Assignment. Go to the line in the entries below that holds "#5=IFCSIUNIT(*,.LENGTHUNIT.,$,.METRE.);" and repeat exactly from there through the line that holds "#37=IFCPRODUCTDEFINITIONSHAPE($,$,(#36));", inclusive.

[Opening Dataset section]

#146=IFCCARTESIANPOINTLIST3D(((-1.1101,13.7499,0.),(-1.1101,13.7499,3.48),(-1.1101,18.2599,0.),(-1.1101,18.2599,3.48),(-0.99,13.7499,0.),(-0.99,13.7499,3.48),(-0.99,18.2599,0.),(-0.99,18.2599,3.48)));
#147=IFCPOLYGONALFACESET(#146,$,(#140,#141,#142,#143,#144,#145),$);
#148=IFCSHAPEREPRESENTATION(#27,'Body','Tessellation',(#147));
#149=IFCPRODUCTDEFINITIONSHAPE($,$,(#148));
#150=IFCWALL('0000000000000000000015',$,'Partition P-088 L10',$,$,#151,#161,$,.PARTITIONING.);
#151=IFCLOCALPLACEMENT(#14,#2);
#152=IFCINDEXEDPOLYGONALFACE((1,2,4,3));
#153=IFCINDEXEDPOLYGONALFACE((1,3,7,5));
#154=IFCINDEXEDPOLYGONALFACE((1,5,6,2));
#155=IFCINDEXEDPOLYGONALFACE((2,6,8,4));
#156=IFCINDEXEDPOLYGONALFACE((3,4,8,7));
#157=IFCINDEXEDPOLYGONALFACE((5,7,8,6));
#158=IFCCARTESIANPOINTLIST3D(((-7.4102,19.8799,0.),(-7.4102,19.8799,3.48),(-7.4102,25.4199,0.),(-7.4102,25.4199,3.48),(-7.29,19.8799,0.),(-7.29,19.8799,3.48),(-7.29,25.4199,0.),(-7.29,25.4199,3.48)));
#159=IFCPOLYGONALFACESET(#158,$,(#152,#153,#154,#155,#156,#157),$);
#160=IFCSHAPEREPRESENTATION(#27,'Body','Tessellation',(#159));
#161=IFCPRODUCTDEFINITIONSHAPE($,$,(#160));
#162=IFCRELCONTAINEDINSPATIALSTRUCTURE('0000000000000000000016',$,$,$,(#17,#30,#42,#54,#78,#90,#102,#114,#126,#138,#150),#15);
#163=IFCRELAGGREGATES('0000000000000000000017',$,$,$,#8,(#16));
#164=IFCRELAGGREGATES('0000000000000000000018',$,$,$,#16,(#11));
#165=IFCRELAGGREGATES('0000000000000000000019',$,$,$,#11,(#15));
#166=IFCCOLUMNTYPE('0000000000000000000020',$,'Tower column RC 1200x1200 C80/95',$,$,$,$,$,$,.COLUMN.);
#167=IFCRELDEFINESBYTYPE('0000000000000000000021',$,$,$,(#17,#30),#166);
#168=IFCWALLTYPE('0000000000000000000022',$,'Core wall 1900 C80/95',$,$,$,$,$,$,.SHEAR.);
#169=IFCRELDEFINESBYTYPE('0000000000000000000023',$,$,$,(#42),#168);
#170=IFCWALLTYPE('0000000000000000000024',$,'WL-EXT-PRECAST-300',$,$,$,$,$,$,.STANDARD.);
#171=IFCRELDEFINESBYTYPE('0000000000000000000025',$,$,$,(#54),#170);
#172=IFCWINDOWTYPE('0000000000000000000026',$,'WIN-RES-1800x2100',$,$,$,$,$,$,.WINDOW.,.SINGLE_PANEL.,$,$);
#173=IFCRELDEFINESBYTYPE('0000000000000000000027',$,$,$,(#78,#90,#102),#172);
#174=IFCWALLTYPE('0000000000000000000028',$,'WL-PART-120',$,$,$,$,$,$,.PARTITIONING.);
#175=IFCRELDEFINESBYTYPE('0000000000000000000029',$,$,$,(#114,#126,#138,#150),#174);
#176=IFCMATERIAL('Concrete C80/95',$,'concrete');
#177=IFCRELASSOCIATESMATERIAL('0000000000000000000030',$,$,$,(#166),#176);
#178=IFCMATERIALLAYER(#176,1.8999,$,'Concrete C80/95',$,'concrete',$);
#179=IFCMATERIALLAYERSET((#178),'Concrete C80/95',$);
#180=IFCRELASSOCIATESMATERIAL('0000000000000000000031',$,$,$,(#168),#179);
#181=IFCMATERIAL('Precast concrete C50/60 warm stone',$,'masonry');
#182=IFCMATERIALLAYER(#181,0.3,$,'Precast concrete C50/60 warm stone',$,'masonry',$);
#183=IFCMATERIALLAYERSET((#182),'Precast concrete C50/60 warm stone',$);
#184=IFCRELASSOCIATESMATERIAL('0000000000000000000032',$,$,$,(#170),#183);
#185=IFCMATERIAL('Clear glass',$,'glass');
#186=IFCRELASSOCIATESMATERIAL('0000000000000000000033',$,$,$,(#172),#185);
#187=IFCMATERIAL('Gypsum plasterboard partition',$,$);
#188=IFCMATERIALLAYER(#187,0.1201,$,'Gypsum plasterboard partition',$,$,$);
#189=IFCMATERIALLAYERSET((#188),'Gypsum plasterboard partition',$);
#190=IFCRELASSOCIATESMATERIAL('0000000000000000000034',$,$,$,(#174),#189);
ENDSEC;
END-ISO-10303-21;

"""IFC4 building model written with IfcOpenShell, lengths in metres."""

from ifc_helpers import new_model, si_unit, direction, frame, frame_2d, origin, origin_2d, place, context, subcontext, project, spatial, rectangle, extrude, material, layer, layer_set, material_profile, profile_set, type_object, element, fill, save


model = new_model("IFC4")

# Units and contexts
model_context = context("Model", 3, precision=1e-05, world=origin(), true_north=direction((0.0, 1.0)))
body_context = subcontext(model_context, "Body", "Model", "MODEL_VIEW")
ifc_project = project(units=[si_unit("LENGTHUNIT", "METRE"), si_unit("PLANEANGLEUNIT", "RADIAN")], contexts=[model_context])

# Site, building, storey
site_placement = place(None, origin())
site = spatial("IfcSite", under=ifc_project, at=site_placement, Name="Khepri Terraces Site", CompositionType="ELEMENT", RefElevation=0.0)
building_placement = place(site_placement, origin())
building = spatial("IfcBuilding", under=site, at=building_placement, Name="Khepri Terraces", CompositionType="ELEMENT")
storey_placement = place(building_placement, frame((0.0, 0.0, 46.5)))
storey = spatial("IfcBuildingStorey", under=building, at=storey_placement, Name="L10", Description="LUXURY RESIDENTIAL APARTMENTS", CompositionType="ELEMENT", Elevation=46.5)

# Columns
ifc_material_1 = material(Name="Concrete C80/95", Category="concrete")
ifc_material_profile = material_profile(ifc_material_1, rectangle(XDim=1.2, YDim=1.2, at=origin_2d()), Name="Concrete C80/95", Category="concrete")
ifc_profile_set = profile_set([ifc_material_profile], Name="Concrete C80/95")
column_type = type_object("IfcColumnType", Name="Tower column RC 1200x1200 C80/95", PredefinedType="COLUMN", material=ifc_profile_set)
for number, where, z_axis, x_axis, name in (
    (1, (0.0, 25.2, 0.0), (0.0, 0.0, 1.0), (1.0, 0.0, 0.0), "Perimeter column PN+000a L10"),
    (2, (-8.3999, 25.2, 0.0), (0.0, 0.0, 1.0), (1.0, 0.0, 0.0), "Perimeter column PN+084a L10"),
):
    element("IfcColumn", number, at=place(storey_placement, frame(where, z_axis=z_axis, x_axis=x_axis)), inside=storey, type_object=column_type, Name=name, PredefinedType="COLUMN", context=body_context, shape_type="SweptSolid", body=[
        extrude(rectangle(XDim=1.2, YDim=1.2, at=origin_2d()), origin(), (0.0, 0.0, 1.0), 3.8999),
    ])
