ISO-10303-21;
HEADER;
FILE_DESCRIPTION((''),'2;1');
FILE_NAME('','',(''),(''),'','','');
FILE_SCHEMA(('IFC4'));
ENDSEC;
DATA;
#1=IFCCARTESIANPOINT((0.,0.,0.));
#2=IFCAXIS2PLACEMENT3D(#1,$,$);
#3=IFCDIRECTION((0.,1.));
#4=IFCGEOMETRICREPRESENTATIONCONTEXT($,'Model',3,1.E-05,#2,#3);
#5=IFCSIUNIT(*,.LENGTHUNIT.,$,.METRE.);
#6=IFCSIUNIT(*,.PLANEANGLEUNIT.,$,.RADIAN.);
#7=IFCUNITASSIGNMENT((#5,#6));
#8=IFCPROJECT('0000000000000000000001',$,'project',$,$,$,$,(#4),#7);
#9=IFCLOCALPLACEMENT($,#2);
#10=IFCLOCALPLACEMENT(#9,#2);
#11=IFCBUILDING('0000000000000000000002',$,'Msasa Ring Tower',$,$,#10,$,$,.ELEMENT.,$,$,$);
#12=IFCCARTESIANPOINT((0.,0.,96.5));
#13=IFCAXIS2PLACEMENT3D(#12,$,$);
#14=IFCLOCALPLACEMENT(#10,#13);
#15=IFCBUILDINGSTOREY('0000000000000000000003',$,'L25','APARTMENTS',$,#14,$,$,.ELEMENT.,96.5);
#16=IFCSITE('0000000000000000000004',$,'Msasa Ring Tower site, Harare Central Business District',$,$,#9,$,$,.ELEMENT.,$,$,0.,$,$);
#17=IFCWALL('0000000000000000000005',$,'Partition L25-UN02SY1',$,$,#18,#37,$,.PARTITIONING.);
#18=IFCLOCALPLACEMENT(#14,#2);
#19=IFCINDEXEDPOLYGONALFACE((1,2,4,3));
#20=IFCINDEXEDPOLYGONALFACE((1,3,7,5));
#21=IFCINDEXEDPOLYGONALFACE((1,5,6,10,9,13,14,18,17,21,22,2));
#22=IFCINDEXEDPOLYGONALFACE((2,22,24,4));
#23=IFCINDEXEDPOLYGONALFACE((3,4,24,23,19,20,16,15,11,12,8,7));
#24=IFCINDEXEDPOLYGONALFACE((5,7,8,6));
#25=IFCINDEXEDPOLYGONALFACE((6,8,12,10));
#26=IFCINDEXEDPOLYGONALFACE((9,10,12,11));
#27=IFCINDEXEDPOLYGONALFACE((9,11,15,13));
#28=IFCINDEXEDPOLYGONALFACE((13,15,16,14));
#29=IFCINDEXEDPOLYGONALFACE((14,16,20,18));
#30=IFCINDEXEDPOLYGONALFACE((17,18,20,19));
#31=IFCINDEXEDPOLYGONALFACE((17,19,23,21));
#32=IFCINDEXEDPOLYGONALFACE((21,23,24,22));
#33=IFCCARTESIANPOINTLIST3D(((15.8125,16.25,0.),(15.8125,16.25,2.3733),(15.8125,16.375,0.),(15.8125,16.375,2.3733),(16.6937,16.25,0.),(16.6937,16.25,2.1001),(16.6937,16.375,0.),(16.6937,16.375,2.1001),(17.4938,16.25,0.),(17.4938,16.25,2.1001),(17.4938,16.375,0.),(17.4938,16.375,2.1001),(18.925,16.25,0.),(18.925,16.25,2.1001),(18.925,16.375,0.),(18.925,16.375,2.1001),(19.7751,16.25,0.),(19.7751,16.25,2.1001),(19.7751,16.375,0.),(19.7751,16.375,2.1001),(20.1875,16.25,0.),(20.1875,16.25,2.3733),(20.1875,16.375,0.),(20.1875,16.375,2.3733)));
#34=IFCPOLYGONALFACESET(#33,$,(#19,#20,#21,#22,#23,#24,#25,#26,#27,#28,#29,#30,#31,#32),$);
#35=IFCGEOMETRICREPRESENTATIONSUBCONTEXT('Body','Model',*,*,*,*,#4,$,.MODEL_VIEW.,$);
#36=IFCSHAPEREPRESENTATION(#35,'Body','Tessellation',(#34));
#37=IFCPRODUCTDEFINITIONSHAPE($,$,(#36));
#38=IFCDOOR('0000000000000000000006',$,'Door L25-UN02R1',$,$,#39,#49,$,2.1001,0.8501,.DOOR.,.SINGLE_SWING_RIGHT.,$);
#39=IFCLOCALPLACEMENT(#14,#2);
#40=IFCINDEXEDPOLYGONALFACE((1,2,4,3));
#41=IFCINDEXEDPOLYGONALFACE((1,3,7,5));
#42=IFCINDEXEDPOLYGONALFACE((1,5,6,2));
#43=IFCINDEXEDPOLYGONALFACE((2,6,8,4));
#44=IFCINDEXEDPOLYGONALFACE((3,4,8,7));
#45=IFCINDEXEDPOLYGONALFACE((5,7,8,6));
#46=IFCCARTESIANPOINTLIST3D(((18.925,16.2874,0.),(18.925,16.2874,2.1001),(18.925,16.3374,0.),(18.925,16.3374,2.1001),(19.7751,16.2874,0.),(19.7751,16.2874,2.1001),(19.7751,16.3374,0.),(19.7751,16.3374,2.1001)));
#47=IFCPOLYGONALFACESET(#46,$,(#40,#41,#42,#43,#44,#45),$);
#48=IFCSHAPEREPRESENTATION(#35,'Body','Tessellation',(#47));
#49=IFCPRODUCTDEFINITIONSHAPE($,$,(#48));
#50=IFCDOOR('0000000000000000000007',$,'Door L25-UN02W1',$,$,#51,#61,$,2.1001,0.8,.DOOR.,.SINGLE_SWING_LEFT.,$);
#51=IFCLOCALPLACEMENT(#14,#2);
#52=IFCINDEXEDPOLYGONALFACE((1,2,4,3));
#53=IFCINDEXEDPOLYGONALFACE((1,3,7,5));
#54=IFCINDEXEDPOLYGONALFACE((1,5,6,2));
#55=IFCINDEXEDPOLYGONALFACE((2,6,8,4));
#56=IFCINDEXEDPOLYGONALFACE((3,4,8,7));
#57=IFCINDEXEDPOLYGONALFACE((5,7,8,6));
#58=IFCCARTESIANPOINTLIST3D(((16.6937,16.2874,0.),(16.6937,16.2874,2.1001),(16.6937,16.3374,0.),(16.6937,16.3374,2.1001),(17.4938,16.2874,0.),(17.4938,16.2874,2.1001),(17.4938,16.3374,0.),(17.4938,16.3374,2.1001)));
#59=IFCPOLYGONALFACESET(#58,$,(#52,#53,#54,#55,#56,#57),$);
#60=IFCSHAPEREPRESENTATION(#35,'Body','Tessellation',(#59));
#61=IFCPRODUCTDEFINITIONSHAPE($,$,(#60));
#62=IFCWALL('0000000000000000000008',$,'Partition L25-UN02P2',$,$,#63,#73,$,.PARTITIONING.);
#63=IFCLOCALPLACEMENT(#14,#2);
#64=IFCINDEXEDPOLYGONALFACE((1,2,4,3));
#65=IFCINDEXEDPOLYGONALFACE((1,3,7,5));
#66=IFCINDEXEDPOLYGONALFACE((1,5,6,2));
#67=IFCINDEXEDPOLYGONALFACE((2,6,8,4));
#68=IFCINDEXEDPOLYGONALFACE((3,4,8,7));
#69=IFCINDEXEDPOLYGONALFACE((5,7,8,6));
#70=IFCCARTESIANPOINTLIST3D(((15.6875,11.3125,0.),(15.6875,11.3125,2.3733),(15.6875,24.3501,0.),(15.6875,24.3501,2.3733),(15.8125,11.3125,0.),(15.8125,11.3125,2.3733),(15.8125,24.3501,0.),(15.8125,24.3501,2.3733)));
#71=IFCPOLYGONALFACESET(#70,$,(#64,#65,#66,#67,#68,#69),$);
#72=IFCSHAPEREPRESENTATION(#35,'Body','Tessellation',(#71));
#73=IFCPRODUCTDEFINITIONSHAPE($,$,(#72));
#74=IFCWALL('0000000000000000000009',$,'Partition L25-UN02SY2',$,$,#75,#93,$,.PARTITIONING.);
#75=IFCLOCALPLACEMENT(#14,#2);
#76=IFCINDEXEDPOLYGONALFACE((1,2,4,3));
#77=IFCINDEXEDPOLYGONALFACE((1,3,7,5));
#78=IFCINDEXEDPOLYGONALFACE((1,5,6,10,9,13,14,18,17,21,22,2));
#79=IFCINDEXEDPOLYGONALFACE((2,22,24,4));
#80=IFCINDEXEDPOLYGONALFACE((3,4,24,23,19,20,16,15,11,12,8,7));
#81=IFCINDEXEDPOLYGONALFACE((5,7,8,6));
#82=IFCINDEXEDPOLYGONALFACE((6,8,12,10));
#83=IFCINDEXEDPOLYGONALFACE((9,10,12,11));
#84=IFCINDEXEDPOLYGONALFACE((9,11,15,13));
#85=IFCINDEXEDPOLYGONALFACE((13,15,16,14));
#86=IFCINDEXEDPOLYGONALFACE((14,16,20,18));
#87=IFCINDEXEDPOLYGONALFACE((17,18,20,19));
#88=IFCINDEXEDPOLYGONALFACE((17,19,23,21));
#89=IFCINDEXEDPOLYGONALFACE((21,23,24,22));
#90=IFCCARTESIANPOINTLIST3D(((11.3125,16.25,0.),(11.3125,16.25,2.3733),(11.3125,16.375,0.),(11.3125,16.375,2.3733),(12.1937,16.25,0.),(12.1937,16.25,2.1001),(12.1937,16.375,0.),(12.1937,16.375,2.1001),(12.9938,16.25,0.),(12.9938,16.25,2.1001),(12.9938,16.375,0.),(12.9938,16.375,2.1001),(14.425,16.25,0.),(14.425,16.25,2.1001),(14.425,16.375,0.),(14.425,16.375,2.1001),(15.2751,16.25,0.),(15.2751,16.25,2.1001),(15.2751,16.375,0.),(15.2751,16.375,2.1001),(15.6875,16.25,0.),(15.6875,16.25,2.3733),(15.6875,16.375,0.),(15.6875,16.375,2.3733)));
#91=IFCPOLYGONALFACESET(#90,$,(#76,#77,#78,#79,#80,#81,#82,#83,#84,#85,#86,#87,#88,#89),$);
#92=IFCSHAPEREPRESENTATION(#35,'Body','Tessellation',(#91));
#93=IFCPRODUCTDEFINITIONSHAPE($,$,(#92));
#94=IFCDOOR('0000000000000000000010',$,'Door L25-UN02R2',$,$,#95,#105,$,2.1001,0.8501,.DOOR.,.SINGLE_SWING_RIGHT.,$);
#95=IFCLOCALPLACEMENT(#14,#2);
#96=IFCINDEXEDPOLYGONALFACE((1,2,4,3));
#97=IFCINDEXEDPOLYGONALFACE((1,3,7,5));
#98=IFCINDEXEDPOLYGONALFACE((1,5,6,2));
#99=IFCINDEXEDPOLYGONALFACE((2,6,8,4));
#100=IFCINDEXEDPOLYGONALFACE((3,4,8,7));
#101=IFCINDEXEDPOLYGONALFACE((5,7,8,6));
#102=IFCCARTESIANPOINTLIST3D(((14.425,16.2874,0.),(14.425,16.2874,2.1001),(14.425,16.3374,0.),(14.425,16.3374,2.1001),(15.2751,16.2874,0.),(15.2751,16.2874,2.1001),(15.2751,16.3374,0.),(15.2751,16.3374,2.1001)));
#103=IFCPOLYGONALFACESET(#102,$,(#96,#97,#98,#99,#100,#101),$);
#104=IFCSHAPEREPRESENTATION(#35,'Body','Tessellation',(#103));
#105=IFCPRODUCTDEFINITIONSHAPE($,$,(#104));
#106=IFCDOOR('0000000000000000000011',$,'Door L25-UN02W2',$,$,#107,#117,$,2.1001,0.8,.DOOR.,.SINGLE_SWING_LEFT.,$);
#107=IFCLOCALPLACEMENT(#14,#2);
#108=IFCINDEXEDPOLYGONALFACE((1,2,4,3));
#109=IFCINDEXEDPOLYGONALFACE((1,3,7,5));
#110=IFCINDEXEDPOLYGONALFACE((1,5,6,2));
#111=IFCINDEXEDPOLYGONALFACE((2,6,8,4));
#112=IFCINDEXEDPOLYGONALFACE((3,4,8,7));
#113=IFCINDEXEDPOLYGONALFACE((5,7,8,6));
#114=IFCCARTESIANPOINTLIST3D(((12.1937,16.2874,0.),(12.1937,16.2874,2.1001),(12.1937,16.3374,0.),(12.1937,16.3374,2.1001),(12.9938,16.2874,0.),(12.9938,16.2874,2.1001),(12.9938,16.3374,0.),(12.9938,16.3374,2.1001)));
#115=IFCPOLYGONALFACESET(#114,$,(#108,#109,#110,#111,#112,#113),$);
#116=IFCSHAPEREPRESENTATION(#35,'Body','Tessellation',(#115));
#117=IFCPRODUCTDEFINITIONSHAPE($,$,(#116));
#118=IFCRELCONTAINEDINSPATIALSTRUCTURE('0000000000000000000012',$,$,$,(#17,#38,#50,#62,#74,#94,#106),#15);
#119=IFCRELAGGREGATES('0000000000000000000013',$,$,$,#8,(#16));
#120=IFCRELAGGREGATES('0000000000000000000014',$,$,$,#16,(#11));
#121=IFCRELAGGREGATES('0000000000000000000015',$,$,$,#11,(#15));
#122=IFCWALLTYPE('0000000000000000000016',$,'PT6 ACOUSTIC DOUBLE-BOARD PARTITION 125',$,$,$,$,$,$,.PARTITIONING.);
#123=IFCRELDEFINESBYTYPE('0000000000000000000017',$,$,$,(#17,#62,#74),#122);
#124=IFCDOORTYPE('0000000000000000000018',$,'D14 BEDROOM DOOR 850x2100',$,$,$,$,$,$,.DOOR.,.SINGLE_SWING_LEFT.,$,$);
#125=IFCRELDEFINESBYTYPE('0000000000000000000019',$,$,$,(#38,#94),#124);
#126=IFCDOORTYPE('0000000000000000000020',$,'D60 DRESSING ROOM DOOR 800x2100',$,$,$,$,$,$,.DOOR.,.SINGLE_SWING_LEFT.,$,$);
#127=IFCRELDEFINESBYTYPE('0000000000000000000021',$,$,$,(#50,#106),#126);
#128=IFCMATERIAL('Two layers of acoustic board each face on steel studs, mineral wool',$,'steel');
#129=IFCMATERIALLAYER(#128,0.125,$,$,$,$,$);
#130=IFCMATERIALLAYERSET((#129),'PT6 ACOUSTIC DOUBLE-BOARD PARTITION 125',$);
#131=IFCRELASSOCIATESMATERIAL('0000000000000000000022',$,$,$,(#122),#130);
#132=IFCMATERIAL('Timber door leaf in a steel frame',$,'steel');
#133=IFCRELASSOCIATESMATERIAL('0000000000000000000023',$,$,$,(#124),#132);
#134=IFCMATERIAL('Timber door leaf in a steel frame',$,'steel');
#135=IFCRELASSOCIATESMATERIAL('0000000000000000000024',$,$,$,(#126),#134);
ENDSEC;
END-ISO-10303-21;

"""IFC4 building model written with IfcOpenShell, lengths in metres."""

from ifc_helpers import new_model, si_unit, direction, frame, frame_2d, origin, place, context, subcontext, project, spatial, rectangle, extrude, material, layer, layer_set, type_object, element, fill, save


model = new_model("IFC4")

# Units and contexts
model_context = context("Model", 3, precision=1e-05, world=origin(), true_north=direction((0.0, 1.0)))
body_context = subcontext(model_context, "Body", "Model", "MODEL_VIEW")
ifc_project = project(units=[si_unit("LENGTHUNIT", "METRE"), si_unit("PLANEANGLEUNIT", "RADIAN")], contexts=[model_context])

# Site, building, storey
site_placement = place(None, origin())
site = spatial("IfcSite", under=ifc_project, at=site_placement, Name="Msasa Ring Tower site, Harare Central Business District", CompositionType="ELEMENT", RefElevation=0.0)
building_placement = place(site_placement, origin())
building = spatial("IfcBuilding", under=site, at=building_placement, Name="Msasa Ring Tower", CompositionType="ELEMENT")
storey_placement = place(building_placement, frame((0.0, 0.0, 96.5)))
storey = spatial("IfcBuildingStorey", under=building, at=storey_placement, Name="L25", Description="APARTMENTS", CompositionType="ELEMENT", Elevation=96.5)

# Shared definitions
ifc_material_1 = material(Name="Two layers of acoustic board each face on steel studs, mineral wool", Category="steel")
ifc_layer_1 = layer(ifc_material_1, 0.125)
ifc_layer_set_1 = layer_set([ifc_layer_1], Name="PT6 ACOUSTIC DOUBLE-BOARD PARTITION 125")
wall_type_1 = type_object("IfcWallType", Name="PT6 ACOUSTIC DOUBLE-BOARD PARTITION 125", PredefinedType="PARTITIONING", material=ifc_layer_set_1)

# Wall, openings, doors
wall_1_placement = place(storey_placement, frame((15.8125, 16.3125, 0.0), z_axis=(0.0, 0.0, 1.0), x_axis=(1.0, 0.0, 0.0)))
wall_1 = element("IfcWall", 1, at=wall_1_placement, inside=storey, type_object=wall_type_1, Name="Partition L25-UN02SY1", PredefinedType="PARTITIONING", context=body_context, shape_type="SweptSolid", body=[
    extrude(rectangle(XDim=4.375, YDim=0.125, at=frame_2d((2.1875, 0.0))), origin(), (0.0, 0.0, 1.0), 2.3733),
])
opening_1_placement = place(wall_1_placement, frame((3.1125, 0.0, 0.0)))
opening_1 = element("IfcOpeningElement", 2, at=opening_1_placement, cuts=wall_1, PredefinedType="OPENING", context=body_context, shape_type="SweptSolid", body=[
    extrude(rectangle(XDim=0.8501, YDim=2.1001, at=frame_2d((0.425, 1.05))), frame((0.0, 0.0725, 0.0), z_axis=(0.0, -1.0, 0.0), x_axis=(1.0, 0.0, 0.0)), (0.0, 0.0, 1.0), 0.145),
])
opening_2_placement = place(wall_1_placement, frame((0.8813, 0.0, 0.0)))
opening_2 = element("IfcOpeningElement", 3, at=opening_2_placement, cuts=wall_1, PredefinedType="OPENING", context=body_context, shape_type="SweptSolid", body=[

[Closing Dataset section]

Solution to this task.
#5=IFCSIUNIT(*,.LENGTHUNIT.,$,.METRE.);
#6=IFCSIUNIT(*,.PLANEANGLEUNIT.,$,.RADIAN.);
#7=IFCUNITASSIGNMENT((#5,#6));
#8=IFCPROJECT('0000000000000000000001',$,'project',$,$,$,$,(#4),#7);
#9=IFCLOCALPLACEMENT($,#2);
#10=IFCLOCALPLACEMENT(#9,#2);
#11=IFCBUILDING('0000000000000000000002',$,'Msasa Ring Tower',$,$,#10,$,$,.ELEMENT.,$,$,$);
#12=IFCCARTESIANPOINT((0.,0.,96.5));
#13=IFCAXIS2PLACEMENT3D(#12,$,$);
#14=IFCLOCALPLACEMENT(#10,#13);
#15=IFCBUILDINGSTOREY('0000000000000000000003',$,'L25','APARTMENTS',$,#14,$,$,.ELEMENT.,96.5);
#16=IFCSITE('0000000000000000000004',$,'Msasa Ring Tower site, Harare Central Business District',$,$,#9,$,$,.ELEMENT.,$,$,0.,$,$);
#17=IFCWALL('0000000000000000000005',$,'Partition L25-UN02SY1',$,$,#18,#37,$,.PARTITIONING.);
#18=IFCLOCALPLACEMENT(#14,#2);
#19=IFCINDEXEDPOLYGONALFACE((1,2,4,3));
#20=IFCINDEXEDPOLYGONALFACE((1,3,7,5));
#21=IFCINDEXEDPOLYGONALFACE((1,5,6,10,9,13,14,18,17,21,22,2));
#22=IFCINDEXEDPOLYGONALFACE((2,22,24,4));
#23=IFCINDEXEDPOLYGONALFACE((3,4,24,23,19,20,16,15,11,12,8,7));
#24=IFCINDEXEDPOLYGONALFACE((5,7,8,6));
#25=IFCINDEXEDPOLYGONALFACE((6,8,12,10));
#26=IFCINDEXEDPOLYGONALFACE((9,10,12,11));
#27=IFCINDEXEDPOLYGONALFACE((9,11,15,13));
#28=IFCINDEXEDPOLYGONALFACE((13,15,16,14));
#29=IFCINDEXEDPOLYGONALFACE((14,16,20,18));
#30=IFCINDEXEDPOLYGONALFACE((17,18,20,19));
#31=IFCINDEXEDPOLYGONALFACE((17,19,23,21));
#32=IFCINDEXEDPOLYGONALFACE((21,23,24,22));
#33=IFCCARTESIANPOINTLIST3D(((15.8125,16.25,0.),(15.8125,16.25,2.3733),(15.8125,16.375,0.),(15.8125,16.375,2.3733),(16.6937,16.25,0.),(16.6937,16.25,2.1001),(16.6937,16.375,0.),(16.6937,16.375,2.1001),(17.4938,16.25,0.),(17.4938,16.25,2.1001),(17.4938,16.375,0.),(17.4938,16.375,2.1001),(18.925,16.25,0.),(18.925,16.25,2.1001),(18.925,16.375,0.),(18.925,16.375,2.1001),(19.7751,16.25,0.),(19.7751,16.25,2.1001),(19.7751,16.375,0.),(19.7751,16.375,2.1001),(20.1875,16.25,0.),(20.1875,16.25,2.3733),(20.1875,16.375,0.),(20.1875,16.375,2.3733)));
#34=IFCPOLYGONALFACESET(#33,$,(#19,#20,#21,#22,#23,#24,#25,#26,#27,#28,#29,#30,#31,#32),$);
#35=IFCGEOMETRICREPRESENTATIONSUBCONTEXT('Body','Model',*,*,*,*,#4,$,.MODEL_VIEW.,$);
#36=IFCSHAPEREPRESENTATION(#35,'Body','Tessellation',(#34));
#37=IFCPRODUCTDEFINITIONSHAPE($,$,(#36));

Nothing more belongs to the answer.